[Assigned task] Without altering anything, repeat each of the records.

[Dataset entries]

BEGIN

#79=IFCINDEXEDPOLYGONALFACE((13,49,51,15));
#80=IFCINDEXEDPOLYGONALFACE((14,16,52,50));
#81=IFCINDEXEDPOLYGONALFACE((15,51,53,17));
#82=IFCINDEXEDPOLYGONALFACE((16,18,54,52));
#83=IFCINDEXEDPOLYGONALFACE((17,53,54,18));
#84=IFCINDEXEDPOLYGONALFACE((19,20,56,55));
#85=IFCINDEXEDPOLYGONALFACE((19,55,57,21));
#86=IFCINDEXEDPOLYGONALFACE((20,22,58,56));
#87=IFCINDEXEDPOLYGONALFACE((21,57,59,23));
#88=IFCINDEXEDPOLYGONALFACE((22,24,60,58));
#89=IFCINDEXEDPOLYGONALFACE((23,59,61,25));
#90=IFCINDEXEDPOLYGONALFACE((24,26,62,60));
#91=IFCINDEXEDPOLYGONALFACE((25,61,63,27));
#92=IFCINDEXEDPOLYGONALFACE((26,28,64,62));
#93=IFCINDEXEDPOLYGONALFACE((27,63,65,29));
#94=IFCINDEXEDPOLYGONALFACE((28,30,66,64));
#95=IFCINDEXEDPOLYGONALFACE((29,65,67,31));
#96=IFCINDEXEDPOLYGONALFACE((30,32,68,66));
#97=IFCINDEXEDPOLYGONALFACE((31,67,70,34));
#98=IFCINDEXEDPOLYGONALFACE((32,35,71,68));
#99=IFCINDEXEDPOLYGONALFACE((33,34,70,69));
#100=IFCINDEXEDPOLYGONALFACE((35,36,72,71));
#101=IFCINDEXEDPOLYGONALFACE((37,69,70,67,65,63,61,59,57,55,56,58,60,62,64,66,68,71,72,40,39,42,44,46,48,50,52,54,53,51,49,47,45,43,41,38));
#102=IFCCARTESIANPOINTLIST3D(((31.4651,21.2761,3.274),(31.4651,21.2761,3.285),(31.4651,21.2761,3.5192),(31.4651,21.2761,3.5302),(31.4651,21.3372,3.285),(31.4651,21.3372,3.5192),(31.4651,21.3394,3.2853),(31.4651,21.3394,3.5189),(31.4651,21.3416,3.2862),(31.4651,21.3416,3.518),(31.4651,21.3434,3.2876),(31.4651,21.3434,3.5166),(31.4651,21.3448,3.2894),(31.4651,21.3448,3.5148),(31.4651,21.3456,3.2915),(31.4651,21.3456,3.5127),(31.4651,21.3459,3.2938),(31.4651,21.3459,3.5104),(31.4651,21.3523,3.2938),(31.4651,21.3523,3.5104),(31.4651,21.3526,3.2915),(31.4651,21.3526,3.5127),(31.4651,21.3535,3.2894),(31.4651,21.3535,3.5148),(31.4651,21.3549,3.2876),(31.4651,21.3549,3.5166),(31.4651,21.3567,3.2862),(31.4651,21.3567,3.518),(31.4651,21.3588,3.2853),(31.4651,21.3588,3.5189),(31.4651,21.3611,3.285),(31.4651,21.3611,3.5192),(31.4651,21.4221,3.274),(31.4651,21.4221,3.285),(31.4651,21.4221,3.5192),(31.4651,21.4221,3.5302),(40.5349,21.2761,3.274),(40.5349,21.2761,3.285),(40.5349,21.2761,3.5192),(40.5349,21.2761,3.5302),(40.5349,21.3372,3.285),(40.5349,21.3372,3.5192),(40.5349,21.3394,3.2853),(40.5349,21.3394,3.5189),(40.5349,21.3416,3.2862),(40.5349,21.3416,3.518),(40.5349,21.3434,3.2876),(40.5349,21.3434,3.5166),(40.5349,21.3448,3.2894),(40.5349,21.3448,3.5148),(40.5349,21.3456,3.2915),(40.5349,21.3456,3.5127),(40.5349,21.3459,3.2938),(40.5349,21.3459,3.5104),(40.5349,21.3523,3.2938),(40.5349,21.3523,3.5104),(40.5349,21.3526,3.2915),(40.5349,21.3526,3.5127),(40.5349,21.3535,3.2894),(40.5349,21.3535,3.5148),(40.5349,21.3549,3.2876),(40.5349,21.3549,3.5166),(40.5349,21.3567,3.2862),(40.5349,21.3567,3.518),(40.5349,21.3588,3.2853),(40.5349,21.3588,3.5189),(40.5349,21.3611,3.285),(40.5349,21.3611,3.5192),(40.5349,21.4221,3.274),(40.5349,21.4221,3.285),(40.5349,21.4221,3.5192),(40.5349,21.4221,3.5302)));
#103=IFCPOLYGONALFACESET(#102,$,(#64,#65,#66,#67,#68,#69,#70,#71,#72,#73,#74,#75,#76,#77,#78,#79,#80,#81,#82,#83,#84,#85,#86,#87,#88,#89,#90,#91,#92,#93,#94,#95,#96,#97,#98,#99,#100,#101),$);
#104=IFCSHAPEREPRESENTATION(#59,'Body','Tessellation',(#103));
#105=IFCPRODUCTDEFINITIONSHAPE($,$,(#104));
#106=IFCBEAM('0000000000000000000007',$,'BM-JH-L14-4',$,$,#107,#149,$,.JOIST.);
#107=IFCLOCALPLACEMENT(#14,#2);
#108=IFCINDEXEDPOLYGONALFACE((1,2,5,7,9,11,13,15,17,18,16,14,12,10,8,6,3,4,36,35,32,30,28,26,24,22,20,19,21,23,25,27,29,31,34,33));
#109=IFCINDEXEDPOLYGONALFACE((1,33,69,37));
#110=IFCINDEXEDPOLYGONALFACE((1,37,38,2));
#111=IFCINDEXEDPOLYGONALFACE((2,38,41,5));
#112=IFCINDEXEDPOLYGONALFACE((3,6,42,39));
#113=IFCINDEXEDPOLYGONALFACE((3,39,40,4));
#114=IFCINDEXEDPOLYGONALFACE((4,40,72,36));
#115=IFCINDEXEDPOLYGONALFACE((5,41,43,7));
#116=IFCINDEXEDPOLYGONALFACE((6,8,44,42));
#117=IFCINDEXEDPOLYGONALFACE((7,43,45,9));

END

[Answer to the problem]
#79=IFCINDEXEDPOLYGONALFACE((13,49,51,15));
#80=IFCINDEXEDPOLYGONALFACE((14,16,52,50));
#81=IFCINDEXEDPOLYGONALFACE((15,51,53,17));
#82=IFCINDEXEDPOLYGONALFACE((16,18,54,52));
#83=IFCINDEXEDPOLYGONALFACE((17,53,54,18));
#84=IFCINDEXEDPOLYGONALFACE((19,20,56,55));
#85=IFCINDEXEDPOLYGONALFACE((19,55,57,21));
#86=IFCINDEXEDPOLYGONALFACE((20,22,58,56));
#87=IFCINDEXEDPOLYGONALFACE((21,57,59,23));
#88=IFCINDEXEDPOLYGONALFACE((22,24,60,58));
#89=IFCINDEXEDPOLYGONALFACE((23,59,61,25));
#90=IFCINDEXEDPOLYGONALFACE((24,26,62,60));
#91=IFCINDEXEDPOLYGONALFACE((25,61,63,27));
#92=IFCINDEXEDPOLYGONALFACE((26,28,64,62));
#93=IFCINDEXEDPOLYGONALFACE((27,63,65,29));
#94=IFCINDEXEDPOLYGONALFACE((28,30,66,64));
#95=IFCINDEXEDPOLYGONALFACE((29,65,67,31));
#96=IFCINDEXEDPOLYGONALFACE((30,32,68,66));
#97=IFCINDEXEDPOLYGONALFACE((31,67,70,34));
#98=IFCINDEXEDPOLYGONALFACE((32,35,71,68));
#99=IFCINDEXEDPOLYGONALFACE((33,34,70,69));
#100=IFCINDEXEDPOLYGONALFACE((35,36,72,71));
#101=IFCINDEXEDPOLYGONALFACE((37,69,70,67,65,63,61,59,57,55,56,58,60,62,64,66,68,71,72,40,39,42,44,46,48,50,52,54,53,51,49,47,45,43,41,38));
#102=IFCCARTESIANPOINTLIST3D(((31.4651,21.2761,3.274),(31.4651,21.2761,3.285),(31.4651,21.2761,3.5192),(31.4651,21.2761,3.5302),(31.4651,21.3372,3.285),(31.4651,21.3372,3.5192),(31.4651,21.3394,3.2853),(31.4651,21.3394,3.5189),(31.4651,21.3416,3.2862),(31.4651,21.3416,3.518),(31.4651,21.3434,3.2876),(31.4651,21.3434,3.5166),(31.4651,21.3448,3.2894),(31.4651,21.3448,3.5148),(31.4651,21.3456,3.2915),(31.4651,21.3456,3.5127),(31.4651,21.3459,3.2938),(31.4651,21.3459,3.5104),(31.4651,21.3523,3.2938),(31.4651,21.3523,3.5104),(31.4651,21.3526,3.2915),(31.4651,21.3526,3.5127),(31.4651,21.3535,3.2894),(31.4651,21.3535,3.5148),(31.4651,21.3549,3.2876),(31.4651,21.3549,3.5166),(31.4651,21.3567,3.2862),(31.4651,21.3567,3.518),(31.4651,21.3588,3.2853),(31.4651,21.3588,3.5189),(31.4651,21.3611,3.285),(31.4651,21.3611,3.5192),(31.4651,21.4221,3.274),(31.4651,21.4221,3.285),(31.4651,21.4221,3.5192),(31.4651,21.4221,3.5302),(40.5349,21.2761,3.274),(40.5349,21.2761,3.285),(40.5349,21.2761,3.5192),(40.5349,21.2761,3.5302),(40.5349,21.3372,3.285),(40.5349,21.3372,3.5192),(40.5349,21.3394,3.2853),(40.5349,21.3394,3.5189),(40.5349,21.3416,3.2862),(40.5349,21.3416,3.518),(40.5349,21.3434,3.2876),(40.5349,21.3434,3.5166),(40.5349,21.3448,3.2894),(40.5349,21.3448,3.5148),(40.5349,21.3456,3.2915),(40.5349,21.3456,3.5127),(40.5349,21.3459,3.2938),(40.5349,21.3459,3.5104),(40.5349,21.3523,3.2938),(40.5349,21.3523,3.5104),(40.5349,21.3526,3.2915),(40.5349,21.3526,3.5127),(40.5349,21.3535,3.2894),(40.5349,21.3535,3.5148),(40.5349,21.3549,3.2876),(40.5349,21.3549,3.5166),(40.5349,21.3567,3.2862),(40.5349,21.3567,3.518),(40.5349,21.3588,3.2853),(40.5349,21.3588,3.5189),(40.5349,21.3611,3.285),(40.5349,21.3611,3.5192),(40.5349,21.4221,3.274),(40.5349,21.4221,3.285),(40.5349,21.4221,3.5192),(40.5349,21.4221,3.5302)));
#103=IFCPOLYGONALFACESET(#102,$,(#64,#65,#66,#67,#68,#69,#70,#71,#72,#73,#74,#75,#76,#77,#78,#79,#80,#81,#82,#83,#84,#85,#86,#87,#88,#89,#90,#91,#92,#93,#94,#95,#96,#97,#98,#99,#100,#101),$);
#104=IFCSHAPEREPRESENTATION(#59,'Body','Tessellation',(#103));
#105=IFCPRODUCTDEFINITIONSHAPE($,$,(#104));
#106=IFCBEAM('0000000000000000000007',$,'BM-JH-L14-4',$,$,#107,#149,$,.JOIST.);
#107=IFCLOCALPLACEMENT(#14,#2);
#108=IFCINDEXEDPOLYGONALFACE((1,2,5,7,9,11,13,15,17,18,16,14,12,10,8,6,3,4,36,35,32,30,28,26,24,22,20,19,21,23,25,27,29,31,34,33));
#109=IFCINDEXEDPOLYGONALFACE((1,33,69,37));
#110=IFCINDEXEDPOLYGONALFACE((1,37,38,2));
#111=IFCINDEXEDPOLYGONALFACE((2,38,41,5));
#112=IFCINDEXEDPOLYGONALFACE((3,6,42,39));
#113=IFCINDEXEDPOLYGONALFACE((3,39,40,4));
#114=IFCINDEXEDPOLYGONALFACE((4,40,72,36));
#115=IFCINDEXEDPOLYGONALFACE((5,41,43,7));
#116=IFCINDEXEDPOLYGONALFACE((6,8,44,42));
#117=IFCINDEXEDPOLYGONALFACE((7,43,45,9));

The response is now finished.